** TASK INPUT **
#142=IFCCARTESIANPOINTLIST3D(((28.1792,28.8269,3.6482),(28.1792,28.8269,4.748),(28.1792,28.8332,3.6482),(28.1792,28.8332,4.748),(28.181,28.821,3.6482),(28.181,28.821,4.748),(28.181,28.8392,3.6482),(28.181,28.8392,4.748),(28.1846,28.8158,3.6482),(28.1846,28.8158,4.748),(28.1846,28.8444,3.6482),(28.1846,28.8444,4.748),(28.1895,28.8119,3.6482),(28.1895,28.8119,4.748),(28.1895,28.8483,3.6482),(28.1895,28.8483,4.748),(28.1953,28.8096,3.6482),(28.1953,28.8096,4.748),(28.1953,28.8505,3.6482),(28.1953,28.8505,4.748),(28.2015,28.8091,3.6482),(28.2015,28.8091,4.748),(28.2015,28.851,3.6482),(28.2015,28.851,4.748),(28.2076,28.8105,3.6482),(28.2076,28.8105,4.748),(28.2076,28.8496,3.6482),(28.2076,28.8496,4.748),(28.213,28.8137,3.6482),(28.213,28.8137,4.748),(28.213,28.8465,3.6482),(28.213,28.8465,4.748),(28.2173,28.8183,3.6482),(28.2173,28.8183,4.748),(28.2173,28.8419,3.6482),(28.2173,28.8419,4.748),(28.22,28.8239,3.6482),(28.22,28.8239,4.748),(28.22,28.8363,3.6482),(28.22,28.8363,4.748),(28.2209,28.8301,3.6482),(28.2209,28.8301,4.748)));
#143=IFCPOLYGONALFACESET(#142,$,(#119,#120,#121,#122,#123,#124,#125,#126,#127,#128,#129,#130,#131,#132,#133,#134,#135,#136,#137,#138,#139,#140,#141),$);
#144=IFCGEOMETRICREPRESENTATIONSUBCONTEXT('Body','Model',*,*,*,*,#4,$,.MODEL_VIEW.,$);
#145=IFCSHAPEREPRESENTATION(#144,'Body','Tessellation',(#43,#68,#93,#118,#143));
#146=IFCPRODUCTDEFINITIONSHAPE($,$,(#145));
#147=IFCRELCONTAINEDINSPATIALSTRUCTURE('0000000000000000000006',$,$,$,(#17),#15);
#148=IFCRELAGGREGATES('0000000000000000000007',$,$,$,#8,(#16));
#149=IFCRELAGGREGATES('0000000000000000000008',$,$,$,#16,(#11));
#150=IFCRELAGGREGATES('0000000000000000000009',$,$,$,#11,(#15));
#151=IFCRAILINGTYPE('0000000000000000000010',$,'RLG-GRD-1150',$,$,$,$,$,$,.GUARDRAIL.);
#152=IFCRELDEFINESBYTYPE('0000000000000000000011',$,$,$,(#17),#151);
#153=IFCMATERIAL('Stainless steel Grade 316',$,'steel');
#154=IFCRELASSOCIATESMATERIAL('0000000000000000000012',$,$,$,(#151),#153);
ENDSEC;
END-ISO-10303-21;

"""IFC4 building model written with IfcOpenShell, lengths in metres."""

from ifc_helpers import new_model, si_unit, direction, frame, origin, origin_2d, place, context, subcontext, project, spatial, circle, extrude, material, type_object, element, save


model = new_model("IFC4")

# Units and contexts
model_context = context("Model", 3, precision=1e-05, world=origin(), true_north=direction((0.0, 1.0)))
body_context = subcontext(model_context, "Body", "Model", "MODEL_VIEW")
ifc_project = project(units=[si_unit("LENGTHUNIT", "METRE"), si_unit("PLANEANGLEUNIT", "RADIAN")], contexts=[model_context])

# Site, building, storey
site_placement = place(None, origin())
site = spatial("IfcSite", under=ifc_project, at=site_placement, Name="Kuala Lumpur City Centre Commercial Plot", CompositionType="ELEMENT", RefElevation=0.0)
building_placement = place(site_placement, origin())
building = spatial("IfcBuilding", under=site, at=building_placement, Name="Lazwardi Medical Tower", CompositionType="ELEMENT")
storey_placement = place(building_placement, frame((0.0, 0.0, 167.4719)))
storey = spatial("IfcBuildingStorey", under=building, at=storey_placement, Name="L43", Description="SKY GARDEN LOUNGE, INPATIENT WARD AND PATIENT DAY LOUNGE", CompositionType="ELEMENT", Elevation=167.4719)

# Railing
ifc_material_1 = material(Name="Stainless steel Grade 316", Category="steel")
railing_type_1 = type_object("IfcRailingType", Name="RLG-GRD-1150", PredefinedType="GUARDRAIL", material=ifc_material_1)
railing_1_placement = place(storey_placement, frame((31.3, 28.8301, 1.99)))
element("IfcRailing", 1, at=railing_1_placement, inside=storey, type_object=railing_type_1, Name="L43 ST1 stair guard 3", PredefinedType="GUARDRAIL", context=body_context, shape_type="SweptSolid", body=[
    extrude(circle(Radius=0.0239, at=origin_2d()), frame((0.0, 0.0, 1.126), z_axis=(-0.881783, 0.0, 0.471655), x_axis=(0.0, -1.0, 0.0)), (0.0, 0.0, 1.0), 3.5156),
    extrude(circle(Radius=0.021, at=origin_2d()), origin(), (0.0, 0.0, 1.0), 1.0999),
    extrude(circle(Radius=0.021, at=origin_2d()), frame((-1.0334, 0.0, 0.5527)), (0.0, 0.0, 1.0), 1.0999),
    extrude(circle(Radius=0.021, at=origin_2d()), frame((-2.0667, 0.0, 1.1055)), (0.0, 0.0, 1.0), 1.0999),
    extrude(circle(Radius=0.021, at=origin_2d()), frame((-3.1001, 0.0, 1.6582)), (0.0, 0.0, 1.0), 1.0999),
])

** ASSIGNMENT **
Give back the full listing above, exactly as it reads.

** SOLVED PROBLEM **
#142=IFCCARTESIANPOINTLIST3D(((28.1792,28.8269,3.6482),(28.1792,28.8269,4.748),(28.1792,28.8332,3.6482),(28.1792,28.8332,4.748),(28.181,28.821,3.6482),(28.181,28.821,4.748),(28.181,28.8392,3.6482),(28.181,28.8392,4.748),(28.1846,28.8158,3.6482),(28.1846,28.8158,4.748),(28.1846,28.8444,3.6482),(28.1846,28.8444,4.748),(28.1895,28.8119,3.6482),(28.1895,28.8119,4.748),(28.1895,28.8483,3.6482),(28.1895,28.8483,4.748),(28.1953,28.8096,3.6482),(28.1953,28.8096,4.748),(28.1953,28.8505,3.6482),(28.1953,28.8505,4.748),(28.2015,28.8091,3.6482),(28.2015,28.8091,4.748),(28.2015,28.851,3.6482),(28.2015,28.851,4.748),(28.2076,28.8105,3.6482),(28.2076,28.8105,4.748),(28.2076,28.8496,3.6482),(28.2076,28.8496,4.748),(28.213,28.8137,3.6482),(28.213,28.8137,4.748),(28.213,28.8465,3.6482),(28.213,28.8465,4.748),(28.2173,28.8183,3.6482),(28.2173,28.8183,4.748),(28.2173,28.8419,3.6482),(28.2173,28.8419,4.748),(28.22,28.8239,3.6482),(28.22,28.8239,4.748),(28.22,28.8363,3.6482),(28.22,28.8363,4.748),(28.2209,28.8301,3.6482),(28.2209,28.8301,4.748)));
#143=IFCPOLYGONALFACESET(#142,$,(#119,#120,#121,#122,#123,#124,#125,#126,#127,#128,#129,#130,#131,#132,#133,#134,#135,#136,#137,#138,#139,#140,#141),$);
#144=IFCGEOMETRICREPRESENTATIONSUBCONTEXT('Body','Model',*,*,*,*,#4,$,.MODEL_VIEW.,$);
#145=IFCSHAPEREPRESENTATION(#144,'Body','Tessellation',(#43,#68,#93,#118,#143));
#146=IFCPRODUCTDEFINITIONSHAPE($,$,(#145));
#147=IFCRELCONTAINEDINSPATIALSTRUCTURE('0000000000000000000006',$,$,$,(#17),#15);
#148=IFCRELAGGREGATES('0000000000000000000007',$,$,$,#8,(#16));
#149=IFCRELAGGREGATES('0000000000000000000008',$,$,$,#16,(#11));
#150=IFCRELAGGREGATES('0000000000000000000009',$,$,$,#11,(#15));
#151=IFCRAILINGTYPE('0000000000000000000010',$,'RLG-GRD-1150',$,$,$,$,$,$,.GUARDRAIL.);
#152=IFCRELDEFINESBYTYPE('0000000000000000000011',$,$,$,(#17),#151);
#153=IFCMATERIAL('Stainless steel Grade 316',$,'steel');
#154=IFCRELASSOCIATESMATERIAL('0000000000000000000012',$,$,$,(#151),#153);
ENDSEC;
END-ISO-10303-21;

"""IFC4 building model written with IfcOpenShell, lengths in metres."""

from ifc_helpers import new_model, si_unit, direction, frame, origin, origin_2d, place, context, subcontext, project, spatial, circle, extrude, material, type_object, element, save


model = new_model("IFC4")

# Units and contexts
model_context = context("Model", 3, precision=1e-05, world=origin(), true_north=direction((0.0, 1.0)))
body_context = subcontext(model_context, "Body", "Model", "MODEL_VIEW")
ifc_project = project(units=[si_unit("LENGTHUNIT", "METRE"), si_unit("PLANEANGLEUNIT", "RADIAN")], contexts=[model_context])

# Site, building, storey
site_placement = place(None, origin())
site = spatial("IfcSite", under=ifc_project, at=site_placement, Name="Kuala Lumpur City Centre Commercial Plot", CompositionType="ELEMENT", RefElevation=0.0)
building_placement = place(site_placement, origin())
building = spatial("IfcBuilding", under=site, at=building_placement, Name="Lazwardi Medical Tower", CompositionType="ELEMENT")
storey_placement = place(building_placement, frame((0.0, 0.0, 167.4719)))
storey = spatial("IfcBuildingStorey", under=building, at=storey_placement, Name="L43", Description="SKY GARDEN LOUNGE, INPATIENT WARD AND PATIENT DAY LOUNGE", CompositionType="ELEMENT", Elevation=167.4719)

# Railing
ifc_material_1 = material(Name="Stainless steel Grade 316", Category="steel")
railing_type_1 = type_object("IfcRailingType", Name="RLG-GRD-1150", PredefinedType="GUARDRAIL", material=ifc_material_1)
railing_1_placement = place(storey_placement, frame((31.3, 28.8301, 1.99)))
element("IfcRailing", 1, at=railing_1_placement, inside=storey, type_object=railing_type_1, Name="L43 ST1 stair guard 3", PredefinedType="GUARDRAIL", context=body_context, shape_type="SweptSolid", body=[
    extrude(circle(Radius=0.0239, at=origin_2d()), frame((0.0, 0.0, 1.126), z_axis=(-0.881783, 0.0, 0.471655), x_axis=(0.0, -1.0, 0.0)), (0.0, 0.0, 1.0), 3.5156),
    extrude(circle(Radius=0.021, at=origin_2d()), origin(), (0.0, 0.0, 1.0), 1.0999),
    extrude(circle(Radius=0.021, at=origin_2d()), frame((-1.0334, 0.0, 0.5527)), (0.0, 0.0, 1.0), 1.0999),
    extrude(circle(Radius=0.021, at=origin_2d()), frame((-2.0667, 0.0, 1.1055)), (0.0, 0.0, 1.0), 1.0999),
    extrude(circle(Radius=0.021, at=origin_2d()), frame((-3.1001, 0.0, 1.6582)), (0.0, 0.0, 1.0), 1.0999),
])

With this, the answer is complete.